**What you have to do**
Copy each line below in which the string "Anodised" appears.

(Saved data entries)
______________________________

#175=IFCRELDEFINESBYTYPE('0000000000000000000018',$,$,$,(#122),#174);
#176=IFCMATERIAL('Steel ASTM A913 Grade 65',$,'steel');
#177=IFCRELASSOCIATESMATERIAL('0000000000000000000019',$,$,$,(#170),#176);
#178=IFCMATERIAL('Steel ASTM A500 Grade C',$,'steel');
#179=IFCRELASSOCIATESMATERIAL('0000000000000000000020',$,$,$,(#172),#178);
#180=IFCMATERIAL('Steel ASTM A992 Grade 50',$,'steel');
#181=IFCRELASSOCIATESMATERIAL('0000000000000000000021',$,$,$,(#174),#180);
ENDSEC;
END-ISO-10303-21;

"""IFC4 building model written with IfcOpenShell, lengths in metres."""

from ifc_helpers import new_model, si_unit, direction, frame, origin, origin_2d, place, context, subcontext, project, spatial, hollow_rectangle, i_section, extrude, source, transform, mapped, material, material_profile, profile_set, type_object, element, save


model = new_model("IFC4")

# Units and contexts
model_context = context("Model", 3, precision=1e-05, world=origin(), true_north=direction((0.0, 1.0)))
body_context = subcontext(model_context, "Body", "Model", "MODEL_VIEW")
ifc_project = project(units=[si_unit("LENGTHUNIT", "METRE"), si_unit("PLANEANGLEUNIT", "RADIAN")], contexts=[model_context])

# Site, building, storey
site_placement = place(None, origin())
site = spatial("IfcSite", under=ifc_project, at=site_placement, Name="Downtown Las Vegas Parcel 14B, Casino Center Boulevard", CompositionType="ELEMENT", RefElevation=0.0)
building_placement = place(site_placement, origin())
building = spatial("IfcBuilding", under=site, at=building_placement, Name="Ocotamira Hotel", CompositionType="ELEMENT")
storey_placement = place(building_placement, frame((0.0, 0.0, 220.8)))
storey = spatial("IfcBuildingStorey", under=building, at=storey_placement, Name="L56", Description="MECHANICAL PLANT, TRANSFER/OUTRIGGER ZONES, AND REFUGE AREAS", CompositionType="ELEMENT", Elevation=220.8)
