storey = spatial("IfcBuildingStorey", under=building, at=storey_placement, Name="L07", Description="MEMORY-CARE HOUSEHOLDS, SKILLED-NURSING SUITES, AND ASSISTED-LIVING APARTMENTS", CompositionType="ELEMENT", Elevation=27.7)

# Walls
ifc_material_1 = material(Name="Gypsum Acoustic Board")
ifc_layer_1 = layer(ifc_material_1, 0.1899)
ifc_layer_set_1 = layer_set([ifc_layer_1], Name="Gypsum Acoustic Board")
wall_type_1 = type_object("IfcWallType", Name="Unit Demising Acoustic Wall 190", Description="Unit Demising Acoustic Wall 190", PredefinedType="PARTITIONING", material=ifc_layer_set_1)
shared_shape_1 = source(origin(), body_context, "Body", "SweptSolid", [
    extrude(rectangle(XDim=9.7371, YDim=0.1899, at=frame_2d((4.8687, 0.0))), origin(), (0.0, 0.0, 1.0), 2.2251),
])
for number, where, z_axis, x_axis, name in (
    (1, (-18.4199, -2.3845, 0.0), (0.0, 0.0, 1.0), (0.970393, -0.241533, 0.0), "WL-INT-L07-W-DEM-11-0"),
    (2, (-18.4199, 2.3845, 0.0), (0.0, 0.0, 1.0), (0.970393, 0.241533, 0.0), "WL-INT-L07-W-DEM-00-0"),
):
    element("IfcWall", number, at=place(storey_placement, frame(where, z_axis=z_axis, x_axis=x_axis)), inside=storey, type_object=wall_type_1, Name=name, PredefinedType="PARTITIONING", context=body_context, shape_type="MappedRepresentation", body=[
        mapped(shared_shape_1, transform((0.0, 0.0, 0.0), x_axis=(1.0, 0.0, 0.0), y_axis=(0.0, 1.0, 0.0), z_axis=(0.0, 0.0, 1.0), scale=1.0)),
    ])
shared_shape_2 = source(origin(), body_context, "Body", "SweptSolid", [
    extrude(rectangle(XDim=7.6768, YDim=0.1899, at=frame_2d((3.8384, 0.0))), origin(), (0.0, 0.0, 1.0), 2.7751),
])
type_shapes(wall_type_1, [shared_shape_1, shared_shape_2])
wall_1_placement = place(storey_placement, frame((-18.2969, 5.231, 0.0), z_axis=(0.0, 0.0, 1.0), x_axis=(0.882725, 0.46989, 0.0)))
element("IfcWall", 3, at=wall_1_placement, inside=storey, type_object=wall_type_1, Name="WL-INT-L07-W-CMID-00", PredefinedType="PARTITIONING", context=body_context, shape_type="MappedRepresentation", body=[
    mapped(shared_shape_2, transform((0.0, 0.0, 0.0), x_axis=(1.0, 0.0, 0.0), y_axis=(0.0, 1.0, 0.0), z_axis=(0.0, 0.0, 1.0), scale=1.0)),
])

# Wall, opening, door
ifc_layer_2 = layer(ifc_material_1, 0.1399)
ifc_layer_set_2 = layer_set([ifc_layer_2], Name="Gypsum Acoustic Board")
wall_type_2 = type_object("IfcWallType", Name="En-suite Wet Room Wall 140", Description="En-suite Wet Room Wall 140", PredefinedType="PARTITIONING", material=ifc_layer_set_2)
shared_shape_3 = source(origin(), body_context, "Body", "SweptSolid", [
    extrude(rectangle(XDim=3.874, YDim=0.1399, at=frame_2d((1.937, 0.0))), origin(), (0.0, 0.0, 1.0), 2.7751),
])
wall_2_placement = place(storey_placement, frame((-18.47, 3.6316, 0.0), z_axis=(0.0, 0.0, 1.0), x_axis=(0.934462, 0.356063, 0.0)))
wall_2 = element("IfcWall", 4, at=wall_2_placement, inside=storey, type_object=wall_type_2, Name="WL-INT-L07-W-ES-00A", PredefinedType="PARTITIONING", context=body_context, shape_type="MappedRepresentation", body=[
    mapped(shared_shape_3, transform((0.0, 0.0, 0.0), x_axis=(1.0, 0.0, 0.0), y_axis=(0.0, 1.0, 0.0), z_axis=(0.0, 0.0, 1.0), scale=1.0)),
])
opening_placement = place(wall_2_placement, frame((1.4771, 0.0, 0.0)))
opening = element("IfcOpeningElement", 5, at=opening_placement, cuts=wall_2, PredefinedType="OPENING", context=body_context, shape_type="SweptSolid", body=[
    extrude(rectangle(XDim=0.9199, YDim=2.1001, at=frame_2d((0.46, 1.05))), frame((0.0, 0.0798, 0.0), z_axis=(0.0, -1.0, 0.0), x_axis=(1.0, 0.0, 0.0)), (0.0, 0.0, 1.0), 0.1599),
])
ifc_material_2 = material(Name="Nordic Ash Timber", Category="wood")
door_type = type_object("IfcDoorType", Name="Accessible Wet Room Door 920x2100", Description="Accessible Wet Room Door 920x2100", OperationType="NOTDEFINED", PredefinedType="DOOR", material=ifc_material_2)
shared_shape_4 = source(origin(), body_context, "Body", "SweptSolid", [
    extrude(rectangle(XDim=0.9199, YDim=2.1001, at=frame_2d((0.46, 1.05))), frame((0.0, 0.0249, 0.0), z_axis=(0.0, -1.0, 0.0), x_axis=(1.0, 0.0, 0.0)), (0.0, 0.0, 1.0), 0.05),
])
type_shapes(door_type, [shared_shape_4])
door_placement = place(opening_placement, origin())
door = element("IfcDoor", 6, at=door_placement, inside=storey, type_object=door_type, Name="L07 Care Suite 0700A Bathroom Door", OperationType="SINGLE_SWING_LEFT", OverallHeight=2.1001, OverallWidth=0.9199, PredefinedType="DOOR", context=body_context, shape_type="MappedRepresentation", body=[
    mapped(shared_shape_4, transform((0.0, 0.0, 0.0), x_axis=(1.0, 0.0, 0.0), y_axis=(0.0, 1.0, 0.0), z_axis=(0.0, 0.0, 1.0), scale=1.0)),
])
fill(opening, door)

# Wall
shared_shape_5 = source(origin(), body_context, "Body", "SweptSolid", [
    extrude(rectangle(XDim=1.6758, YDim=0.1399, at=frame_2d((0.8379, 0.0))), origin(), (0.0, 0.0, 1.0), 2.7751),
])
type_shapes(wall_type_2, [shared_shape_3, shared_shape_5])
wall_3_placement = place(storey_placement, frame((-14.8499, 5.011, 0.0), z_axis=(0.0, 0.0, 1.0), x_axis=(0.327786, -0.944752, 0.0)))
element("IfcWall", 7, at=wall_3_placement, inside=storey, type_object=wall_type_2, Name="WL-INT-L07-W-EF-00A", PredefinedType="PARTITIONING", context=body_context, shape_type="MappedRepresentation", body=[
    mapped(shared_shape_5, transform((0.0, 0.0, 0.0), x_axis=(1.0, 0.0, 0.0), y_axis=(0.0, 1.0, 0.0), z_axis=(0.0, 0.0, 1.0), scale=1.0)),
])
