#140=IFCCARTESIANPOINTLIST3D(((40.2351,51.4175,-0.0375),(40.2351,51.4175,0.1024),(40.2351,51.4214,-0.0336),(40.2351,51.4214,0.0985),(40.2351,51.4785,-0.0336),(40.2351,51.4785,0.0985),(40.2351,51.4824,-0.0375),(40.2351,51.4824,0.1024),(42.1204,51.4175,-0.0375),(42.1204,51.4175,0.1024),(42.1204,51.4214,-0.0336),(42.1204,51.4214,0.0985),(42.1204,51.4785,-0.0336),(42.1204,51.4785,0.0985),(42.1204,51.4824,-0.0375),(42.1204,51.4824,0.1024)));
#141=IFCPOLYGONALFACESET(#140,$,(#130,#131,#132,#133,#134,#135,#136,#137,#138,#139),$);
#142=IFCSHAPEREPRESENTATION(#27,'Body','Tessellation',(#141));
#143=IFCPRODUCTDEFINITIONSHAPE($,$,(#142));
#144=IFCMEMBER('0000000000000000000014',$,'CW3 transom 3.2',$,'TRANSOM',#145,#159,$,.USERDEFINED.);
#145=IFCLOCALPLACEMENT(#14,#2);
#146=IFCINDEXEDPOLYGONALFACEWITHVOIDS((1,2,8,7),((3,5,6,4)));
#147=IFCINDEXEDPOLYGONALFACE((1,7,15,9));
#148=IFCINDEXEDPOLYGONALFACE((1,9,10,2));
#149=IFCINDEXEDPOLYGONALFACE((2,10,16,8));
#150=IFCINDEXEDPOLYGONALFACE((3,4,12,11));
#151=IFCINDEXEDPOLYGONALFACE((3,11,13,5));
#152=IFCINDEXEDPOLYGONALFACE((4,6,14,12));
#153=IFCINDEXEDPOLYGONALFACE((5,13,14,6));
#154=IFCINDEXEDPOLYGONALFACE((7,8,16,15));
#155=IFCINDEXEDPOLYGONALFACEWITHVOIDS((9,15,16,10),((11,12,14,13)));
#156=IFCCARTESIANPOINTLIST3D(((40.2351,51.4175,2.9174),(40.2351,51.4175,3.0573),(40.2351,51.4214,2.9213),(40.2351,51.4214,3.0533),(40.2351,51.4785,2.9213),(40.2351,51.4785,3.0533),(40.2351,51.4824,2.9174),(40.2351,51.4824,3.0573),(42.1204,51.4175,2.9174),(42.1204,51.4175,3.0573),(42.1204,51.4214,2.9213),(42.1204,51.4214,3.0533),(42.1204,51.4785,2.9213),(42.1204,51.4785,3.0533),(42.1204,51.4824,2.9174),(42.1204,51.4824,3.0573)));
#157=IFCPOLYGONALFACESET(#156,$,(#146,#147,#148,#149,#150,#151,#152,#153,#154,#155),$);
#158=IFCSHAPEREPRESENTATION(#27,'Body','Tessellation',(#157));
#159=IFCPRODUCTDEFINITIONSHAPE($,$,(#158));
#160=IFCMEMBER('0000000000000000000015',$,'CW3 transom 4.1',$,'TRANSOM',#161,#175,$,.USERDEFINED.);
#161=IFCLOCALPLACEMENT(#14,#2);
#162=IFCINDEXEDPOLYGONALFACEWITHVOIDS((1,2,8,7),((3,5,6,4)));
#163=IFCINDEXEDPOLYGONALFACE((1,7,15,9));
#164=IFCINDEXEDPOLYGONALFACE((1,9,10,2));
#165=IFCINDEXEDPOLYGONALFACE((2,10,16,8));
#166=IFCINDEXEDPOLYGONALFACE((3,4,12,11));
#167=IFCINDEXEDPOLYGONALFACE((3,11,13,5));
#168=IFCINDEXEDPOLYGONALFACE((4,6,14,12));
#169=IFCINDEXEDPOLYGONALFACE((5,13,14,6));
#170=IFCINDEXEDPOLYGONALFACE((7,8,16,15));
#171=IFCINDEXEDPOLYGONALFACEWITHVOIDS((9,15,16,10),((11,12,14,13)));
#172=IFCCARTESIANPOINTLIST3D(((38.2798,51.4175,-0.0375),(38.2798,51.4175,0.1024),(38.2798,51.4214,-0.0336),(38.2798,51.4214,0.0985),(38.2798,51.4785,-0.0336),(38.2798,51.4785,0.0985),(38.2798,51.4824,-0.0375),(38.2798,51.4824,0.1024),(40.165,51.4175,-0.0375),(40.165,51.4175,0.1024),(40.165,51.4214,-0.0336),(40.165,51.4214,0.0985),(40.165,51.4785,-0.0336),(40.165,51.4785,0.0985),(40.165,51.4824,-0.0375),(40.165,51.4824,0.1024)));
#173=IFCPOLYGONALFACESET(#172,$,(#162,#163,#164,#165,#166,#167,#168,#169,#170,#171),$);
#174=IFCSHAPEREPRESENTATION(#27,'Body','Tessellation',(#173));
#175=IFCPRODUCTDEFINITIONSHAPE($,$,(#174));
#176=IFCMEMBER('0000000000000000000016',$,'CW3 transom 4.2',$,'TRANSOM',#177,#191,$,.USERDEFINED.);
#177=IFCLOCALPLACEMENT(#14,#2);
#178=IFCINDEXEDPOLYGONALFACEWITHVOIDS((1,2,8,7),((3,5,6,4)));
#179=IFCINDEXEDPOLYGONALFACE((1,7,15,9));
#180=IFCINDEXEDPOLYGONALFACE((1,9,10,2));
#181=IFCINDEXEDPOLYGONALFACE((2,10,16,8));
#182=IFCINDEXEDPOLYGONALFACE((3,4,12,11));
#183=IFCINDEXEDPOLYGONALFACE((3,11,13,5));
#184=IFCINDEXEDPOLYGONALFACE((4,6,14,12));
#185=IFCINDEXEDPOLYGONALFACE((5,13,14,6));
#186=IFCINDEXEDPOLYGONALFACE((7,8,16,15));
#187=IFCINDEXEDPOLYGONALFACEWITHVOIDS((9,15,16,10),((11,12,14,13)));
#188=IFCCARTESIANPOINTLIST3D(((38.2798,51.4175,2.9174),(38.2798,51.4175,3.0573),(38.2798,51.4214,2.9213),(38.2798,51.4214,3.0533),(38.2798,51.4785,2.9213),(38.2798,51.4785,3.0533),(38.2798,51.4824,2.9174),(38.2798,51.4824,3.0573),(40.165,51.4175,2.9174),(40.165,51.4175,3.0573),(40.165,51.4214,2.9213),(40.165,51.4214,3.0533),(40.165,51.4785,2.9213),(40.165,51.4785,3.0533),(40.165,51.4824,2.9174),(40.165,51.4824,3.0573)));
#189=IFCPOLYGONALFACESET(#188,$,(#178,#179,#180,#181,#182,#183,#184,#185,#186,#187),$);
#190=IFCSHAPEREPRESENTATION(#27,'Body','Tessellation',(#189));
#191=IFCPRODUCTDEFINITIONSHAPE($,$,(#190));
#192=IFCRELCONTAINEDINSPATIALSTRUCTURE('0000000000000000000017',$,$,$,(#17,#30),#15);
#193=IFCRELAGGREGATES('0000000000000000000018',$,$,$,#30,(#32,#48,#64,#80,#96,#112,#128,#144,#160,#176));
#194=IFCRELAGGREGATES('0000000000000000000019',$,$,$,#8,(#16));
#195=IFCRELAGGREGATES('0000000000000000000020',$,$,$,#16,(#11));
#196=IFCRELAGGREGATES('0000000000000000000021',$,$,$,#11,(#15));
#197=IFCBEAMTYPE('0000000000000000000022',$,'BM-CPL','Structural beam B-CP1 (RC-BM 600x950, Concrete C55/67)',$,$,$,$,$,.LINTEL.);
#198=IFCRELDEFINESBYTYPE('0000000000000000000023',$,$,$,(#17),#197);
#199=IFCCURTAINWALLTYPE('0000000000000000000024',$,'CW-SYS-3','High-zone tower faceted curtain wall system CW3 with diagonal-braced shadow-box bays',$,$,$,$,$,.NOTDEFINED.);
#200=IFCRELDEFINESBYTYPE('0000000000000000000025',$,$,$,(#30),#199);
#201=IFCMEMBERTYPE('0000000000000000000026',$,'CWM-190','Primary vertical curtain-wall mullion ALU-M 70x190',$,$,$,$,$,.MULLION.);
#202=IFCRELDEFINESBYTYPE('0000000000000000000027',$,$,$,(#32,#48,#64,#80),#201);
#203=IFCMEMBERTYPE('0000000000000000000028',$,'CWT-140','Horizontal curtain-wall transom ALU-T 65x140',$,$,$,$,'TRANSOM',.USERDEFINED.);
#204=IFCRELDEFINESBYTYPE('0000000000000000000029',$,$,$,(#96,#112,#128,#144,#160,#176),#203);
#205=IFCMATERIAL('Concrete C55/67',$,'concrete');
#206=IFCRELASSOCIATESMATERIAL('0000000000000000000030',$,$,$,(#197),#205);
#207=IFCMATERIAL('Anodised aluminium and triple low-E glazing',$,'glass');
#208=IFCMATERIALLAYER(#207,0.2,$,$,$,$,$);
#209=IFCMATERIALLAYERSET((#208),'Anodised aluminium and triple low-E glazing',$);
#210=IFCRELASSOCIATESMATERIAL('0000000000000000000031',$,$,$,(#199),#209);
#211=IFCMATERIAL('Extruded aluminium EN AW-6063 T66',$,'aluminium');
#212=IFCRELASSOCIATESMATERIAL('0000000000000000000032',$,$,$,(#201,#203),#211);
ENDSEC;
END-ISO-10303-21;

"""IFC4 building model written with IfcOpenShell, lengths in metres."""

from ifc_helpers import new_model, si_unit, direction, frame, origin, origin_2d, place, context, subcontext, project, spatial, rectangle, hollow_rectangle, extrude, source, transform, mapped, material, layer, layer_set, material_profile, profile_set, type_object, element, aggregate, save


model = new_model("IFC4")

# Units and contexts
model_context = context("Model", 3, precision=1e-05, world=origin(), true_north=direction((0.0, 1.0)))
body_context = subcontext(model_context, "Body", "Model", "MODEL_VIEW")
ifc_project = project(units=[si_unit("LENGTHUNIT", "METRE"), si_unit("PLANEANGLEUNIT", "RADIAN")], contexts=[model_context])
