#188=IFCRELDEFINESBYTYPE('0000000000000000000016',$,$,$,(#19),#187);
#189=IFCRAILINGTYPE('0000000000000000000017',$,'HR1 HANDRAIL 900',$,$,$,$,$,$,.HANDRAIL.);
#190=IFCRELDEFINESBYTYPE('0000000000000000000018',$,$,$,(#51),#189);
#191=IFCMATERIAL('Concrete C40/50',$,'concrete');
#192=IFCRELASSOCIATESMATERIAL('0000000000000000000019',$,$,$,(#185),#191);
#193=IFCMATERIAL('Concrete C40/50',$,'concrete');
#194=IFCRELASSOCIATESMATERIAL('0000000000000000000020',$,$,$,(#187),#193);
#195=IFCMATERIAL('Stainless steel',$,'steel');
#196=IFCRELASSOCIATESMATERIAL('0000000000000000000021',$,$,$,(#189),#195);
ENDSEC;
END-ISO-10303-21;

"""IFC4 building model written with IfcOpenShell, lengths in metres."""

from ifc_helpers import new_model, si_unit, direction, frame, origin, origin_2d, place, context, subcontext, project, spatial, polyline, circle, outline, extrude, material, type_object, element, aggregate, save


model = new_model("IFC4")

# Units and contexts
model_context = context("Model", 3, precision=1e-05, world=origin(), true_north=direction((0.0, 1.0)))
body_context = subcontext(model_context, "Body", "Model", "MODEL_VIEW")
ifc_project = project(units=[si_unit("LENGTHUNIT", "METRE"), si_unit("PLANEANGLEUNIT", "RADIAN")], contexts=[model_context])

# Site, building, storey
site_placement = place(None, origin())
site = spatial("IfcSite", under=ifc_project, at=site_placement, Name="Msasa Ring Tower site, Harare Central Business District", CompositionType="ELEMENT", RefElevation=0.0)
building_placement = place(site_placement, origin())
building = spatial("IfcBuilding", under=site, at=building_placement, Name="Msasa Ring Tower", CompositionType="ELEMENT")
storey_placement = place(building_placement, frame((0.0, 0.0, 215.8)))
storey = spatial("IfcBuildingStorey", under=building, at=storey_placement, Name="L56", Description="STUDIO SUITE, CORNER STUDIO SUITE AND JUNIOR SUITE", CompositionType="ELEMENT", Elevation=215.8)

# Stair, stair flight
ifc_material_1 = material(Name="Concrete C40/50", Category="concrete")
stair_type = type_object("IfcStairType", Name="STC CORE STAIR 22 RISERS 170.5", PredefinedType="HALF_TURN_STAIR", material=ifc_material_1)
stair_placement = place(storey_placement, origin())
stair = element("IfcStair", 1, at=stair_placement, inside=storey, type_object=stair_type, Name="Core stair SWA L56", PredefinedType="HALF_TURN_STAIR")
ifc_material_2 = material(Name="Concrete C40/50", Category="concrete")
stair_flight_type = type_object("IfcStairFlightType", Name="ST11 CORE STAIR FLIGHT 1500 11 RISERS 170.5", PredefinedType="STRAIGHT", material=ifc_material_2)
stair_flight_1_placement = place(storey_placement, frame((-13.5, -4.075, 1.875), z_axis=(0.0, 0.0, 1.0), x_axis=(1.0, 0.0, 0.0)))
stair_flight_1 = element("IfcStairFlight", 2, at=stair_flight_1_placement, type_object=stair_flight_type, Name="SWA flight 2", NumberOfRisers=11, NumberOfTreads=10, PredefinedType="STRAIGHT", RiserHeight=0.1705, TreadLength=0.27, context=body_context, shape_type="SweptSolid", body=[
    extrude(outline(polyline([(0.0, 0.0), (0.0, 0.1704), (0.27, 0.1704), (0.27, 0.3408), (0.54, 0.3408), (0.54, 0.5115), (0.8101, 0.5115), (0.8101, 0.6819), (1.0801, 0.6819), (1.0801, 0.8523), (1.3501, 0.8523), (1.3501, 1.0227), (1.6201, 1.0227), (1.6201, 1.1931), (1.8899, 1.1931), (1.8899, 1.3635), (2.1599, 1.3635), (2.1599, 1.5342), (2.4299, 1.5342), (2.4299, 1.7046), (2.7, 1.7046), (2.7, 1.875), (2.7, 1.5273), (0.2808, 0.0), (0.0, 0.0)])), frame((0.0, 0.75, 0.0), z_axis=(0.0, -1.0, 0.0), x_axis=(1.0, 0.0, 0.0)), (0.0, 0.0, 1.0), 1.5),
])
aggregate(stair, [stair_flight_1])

______________________________

**Answer space**
#207=IFCMATERIAL('Anodised aluminium and triple low-E glazing',$,'glass');
#209=IFCMATERIALLAYERSET((#208),'Anodised aluminium and triple low-E glazing',$);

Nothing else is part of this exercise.